### Dataset
+ + + + +
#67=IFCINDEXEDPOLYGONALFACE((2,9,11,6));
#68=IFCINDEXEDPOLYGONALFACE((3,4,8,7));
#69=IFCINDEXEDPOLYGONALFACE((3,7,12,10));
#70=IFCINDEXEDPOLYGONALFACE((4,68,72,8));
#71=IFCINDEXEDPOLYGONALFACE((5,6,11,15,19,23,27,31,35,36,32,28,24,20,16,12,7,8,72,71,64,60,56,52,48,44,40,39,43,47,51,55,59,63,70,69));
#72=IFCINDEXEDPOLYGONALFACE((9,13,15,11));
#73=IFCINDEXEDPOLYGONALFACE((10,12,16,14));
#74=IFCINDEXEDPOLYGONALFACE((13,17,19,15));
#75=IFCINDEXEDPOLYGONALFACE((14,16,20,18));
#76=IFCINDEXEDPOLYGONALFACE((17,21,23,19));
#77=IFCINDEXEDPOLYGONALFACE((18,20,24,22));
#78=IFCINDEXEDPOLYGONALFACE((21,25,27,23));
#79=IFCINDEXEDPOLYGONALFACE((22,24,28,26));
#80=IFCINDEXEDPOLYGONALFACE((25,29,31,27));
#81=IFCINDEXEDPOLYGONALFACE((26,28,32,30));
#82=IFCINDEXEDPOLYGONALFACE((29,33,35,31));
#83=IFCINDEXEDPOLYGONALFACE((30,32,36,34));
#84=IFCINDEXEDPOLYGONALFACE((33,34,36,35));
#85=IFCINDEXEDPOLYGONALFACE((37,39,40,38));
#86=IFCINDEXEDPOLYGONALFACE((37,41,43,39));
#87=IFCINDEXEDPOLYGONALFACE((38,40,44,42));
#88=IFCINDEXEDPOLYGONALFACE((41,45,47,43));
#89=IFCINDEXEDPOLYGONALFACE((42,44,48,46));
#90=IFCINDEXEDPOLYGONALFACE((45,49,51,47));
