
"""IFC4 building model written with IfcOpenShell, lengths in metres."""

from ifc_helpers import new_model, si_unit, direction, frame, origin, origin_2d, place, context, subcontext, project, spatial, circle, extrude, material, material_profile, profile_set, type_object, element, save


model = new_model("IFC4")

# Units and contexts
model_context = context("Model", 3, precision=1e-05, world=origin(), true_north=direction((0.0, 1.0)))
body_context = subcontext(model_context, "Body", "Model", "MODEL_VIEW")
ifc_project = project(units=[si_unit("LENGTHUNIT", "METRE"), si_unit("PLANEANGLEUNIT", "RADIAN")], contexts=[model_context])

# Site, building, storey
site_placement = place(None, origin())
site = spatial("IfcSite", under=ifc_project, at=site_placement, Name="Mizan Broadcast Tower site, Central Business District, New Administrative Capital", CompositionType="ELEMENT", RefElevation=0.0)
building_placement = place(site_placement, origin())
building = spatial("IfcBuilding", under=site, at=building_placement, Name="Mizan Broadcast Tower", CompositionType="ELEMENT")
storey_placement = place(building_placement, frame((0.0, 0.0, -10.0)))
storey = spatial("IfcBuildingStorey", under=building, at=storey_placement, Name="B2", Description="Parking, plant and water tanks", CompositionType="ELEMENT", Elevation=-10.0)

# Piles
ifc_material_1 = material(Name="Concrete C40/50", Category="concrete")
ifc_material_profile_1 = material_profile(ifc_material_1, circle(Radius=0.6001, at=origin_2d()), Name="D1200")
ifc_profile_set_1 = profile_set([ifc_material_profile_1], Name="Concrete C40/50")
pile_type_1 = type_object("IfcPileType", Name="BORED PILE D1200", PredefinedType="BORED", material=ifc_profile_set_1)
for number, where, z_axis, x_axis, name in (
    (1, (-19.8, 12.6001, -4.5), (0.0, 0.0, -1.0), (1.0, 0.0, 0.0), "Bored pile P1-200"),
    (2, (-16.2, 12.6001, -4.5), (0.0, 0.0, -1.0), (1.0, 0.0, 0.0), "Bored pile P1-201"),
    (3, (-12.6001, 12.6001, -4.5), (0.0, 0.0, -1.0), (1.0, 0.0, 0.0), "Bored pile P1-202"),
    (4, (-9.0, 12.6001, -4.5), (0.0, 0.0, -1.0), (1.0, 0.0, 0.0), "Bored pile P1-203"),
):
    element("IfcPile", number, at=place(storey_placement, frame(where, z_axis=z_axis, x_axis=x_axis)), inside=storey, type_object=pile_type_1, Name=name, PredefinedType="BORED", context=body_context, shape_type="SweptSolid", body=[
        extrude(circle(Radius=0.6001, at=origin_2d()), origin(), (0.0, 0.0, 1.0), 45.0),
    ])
+ + + + +
### Action item
Nothing but a number should be given: the count of lines in the data above with the word "contexts".

### Task solution
2